> Exercise materials:
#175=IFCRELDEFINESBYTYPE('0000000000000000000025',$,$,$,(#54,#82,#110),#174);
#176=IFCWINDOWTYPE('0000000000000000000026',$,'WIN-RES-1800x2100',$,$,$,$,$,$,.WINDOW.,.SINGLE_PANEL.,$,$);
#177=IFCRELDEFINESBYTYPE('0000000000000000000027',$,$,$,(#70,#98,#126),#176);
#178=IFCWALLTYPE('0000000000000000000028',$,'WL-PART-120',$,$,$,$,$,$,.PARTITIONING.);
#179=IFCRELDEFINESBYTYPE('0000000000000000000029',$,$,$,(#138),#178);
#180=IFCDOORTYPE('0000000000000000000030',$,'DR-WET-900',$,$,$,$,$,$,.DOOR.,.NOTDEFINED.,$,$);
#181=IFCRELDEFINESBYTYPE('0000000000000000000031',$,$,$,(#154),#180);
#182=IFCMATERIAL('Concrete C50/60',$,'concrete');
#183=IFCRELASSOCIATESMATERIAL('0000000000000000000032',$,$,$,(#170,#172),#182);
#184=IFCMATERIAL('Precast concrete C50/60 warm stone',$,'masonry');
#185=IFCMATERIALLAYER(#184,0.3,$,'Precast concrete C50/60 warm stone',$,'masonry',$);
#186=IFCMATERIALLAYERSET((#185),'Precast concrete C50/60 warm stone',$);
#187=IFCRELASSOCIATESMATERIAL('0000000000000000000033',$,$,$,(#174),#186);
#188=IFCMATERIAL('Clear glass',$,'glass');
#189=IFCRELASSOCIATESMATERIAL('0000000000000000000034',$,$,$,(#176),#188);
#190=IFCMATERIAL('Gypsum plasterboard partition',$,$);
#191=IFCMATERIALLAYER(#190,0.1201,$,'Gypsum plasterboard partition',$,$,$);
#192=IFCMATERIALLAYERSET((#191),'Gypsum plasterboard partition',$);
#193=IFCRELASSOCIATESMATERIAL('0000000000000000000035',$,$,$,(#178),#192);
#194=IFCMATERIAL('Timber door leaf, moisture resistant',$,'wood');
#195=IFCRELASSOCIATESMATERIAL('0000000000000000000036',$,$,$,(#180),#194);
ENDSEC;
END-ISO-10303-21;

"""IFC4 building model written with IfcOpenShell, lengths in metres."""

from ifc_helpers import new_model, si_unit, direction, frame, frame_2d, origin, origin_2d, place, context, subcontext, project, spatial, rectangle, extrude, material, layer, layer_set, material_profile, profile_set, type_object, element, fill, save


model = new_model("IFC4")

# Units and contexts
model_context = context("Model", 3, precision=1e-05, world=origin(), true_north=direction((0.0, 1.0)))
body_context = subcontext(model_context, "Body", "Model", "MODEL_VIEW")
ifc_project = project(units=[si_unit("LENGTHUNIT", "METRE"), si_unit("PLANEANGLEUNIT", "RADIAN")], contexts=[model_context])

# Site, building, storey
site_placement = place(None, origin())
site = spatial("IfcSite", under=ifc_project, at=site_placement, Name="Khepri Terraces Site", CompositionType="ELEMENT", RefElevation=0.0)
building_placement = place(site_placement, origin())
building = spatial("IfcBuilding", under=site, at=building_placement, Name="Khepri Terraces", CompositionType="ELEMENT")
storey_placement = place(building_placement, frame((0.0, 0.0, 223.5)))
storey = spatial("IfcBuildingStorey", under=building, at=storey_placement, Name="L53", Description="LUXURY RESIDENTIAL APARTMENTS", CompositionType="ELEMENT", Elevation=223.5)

> Task to complete: In the records above, find the lines holding "Name". Copy each one.

> Output:
site = spatial("IfcSite", under=ifc_project, at=site_placement, Name="Khepri Terraces Site", CompositionType="ELEMENT", RefElevation=0.0)
building = spatial("IfcBuilding", under=site, at=building_placement, Name="Khepri Terraces", CompositionType="ELEMENT")
storey = spatial("IfcBuildingStorey", under=building, at=storey_placement, Name="L53", Description="LUXURY RESIDENTIAL APARTMENTS", CompositionType="ELEMENT", Elevation=223.5)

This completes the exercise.